» Exercise:
Repeat exactly the lines below that lie between the line with "#149=IFCINDEXEDPOLYGONALFACE((13,15,16,14));" and the line with "#153=IFCINDEXEDPOLYGONALFACE((19,23,24,20));", counting both of those lines as part of the answer.

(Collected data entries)
Start of Block
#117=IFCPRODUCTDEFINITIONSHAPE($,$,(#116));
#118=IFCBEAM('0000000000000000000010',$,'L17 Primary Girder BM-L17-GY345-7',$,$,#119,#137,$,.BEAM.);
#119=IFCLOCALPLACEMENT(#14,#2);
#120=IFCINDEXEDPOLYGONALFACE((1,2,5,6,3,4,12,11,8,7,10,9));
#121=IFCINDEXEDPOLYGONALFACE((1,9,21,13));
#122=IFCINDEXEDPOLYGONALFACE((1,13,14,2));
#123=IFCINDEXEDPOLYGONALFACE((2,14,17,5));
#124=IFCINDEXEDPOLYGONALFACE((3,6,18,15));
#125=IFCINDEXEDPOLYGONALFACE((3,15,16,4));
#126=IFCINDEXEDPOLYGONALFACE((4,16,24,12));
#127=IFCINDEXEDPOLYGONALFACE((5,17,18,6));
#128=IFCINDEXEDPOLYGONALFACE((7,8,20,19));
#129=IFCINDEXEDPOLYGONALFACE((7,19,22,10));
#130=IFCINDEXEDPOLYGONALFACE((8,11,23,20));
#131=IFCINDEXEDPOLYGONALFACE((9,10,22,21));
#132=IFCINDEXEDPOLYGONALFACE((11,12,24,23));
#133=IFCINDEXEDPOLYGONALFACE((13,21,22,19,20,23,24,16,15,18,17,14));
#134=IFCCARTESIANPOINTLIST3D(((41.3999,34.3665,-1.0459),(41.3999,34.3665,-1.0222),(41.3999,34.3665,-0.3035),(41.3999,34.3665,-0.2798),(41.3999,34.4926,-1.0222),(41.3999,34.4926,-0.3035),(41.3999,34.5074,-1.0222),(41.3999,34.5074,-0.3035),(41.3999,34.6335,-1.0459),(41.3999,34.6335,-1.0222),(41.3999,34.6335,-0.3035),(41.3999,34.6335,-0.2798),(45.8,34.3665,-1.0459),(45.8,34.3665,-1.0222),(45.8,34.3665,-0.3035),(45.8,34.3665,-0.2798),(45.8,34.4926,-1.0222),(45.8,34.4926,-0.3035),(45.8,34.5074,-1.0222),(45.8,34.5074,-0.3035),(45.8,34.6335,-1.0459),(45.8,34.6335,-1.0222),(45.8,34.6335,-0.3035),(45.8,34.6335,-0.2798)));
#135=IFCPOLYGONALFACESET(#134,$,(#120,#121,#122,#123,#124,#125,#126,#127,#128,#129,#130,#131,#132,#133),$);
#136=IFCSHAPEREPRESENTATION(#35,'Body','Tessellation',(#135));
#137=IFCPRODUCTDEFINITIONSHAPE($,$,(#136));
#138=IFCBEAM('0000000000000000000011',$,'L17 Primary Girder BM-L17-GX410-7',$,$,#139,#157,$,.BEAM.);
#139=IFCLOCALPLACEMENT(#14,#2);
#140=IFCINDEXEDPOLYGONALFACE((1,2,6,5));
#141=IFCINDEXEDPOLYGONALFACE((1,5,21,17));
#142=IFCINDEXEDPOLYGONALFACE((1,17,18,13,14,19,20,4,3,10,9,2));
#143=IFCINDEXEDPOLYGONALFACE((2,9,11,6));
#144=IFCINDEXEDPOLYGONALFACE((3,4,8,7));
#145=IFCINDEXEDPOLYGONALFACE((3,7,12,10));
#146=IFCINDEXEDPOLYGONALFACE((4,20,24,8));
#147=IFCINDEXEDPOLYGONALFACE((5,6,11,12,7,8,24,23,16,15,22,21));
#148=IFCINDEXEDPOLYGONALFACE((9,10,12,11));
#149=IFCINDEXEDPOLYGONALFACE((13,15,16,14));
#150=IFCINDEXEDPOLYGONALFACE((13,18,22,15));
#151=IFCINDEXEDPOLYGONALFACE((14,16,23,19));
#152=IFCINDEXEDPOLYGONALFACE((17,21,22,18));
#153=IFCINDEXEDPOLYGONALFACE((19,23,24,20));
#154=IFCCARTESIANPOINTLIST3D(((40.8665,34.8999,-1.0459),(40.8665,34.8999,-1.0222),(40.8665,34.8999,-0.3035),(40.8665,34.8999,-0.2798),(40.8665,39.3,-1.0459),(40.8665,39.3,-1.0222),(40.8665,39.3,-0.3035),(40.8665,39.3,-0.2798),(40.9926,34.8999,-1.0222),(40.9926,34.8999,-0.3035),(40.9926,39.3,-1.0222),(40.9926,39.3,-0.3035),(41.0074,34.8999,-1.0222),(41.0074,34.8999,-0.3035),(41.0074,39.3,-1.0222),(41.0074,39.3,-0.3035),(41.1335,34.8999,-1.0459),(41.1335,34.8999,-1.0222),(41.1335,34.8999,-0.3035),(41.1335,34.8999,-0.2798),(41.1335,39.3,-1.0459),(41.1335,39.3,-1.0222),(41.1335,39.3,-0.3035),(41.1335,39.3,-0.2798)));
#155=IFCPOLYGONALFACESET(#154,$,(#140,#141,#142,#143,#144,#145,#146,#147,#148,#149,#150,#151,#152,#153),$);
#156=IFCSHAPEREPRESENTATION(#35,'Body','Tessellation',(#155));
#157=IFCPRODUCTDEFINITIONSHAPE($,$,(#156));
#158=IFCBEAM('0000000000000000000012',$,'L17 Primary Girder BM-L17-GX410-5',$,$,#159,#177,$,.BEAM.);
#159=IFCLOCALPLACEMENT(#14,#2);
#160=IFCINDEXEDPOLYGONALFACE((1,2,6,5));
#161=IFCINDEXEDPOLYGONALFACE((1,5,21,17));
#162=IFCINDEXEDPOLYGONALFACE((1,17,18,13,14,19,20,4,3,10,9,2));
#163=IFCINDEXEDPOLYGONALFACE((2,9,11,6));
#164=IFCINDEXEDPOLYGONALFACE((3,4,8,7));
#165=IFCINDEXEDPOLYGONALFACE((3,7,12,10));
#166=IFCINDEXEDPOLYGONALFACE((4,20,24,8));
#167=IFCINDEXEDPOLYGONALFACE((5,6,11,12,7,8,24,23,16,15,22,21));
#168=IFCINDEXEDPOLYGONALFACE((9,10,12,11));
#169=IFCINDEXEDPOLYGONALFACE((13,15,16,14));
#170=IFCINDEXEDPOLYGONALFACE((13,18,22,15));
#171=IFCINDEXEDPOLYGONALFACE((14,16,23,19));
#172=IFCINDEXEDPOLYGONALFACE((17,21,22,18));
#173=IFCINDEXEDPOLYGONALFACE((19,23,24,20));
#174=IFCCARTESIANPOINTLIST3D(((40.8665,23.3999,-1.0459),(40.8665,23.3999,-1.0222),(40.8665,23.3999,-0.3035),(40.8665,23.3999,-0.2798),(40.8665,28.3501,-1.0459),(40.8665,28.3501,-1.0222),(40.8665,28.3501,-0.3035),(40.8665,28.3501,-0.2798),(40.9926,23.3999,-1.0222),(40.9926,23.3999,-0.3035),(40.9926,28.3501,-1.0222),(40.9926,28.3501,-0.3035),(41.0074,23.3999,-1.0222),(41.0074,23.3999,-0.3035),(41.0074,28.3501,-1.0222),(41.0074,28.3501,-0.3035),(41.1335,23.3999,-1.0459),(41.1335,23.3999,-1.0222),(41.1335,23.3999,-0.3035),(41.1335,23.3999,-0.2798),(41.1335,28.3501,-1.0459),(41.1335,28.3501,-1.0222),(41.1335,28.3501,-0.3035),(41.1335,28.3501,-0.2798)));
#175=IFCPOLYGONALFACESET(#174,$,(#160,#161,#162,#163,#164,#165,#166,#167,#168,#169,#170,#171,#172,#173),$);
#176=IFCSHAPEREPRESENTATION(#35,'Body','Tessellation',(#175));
End of Block
» Written answer:
#149=IFCINDEXEDPOLYGONALFACE((13,15,16,14));
#150=IFCINDEXEDPOLYGONALFACE((13,18,22,15));
#151=IFCINDEXEDPOLYGONALFACE((14,16,23,19));
#152=IFCINDEXEDPOLYGONALFACE((17,21,22,18));
#153=IFCINDEXEDPOLYGONALFACE((19,23,24,20));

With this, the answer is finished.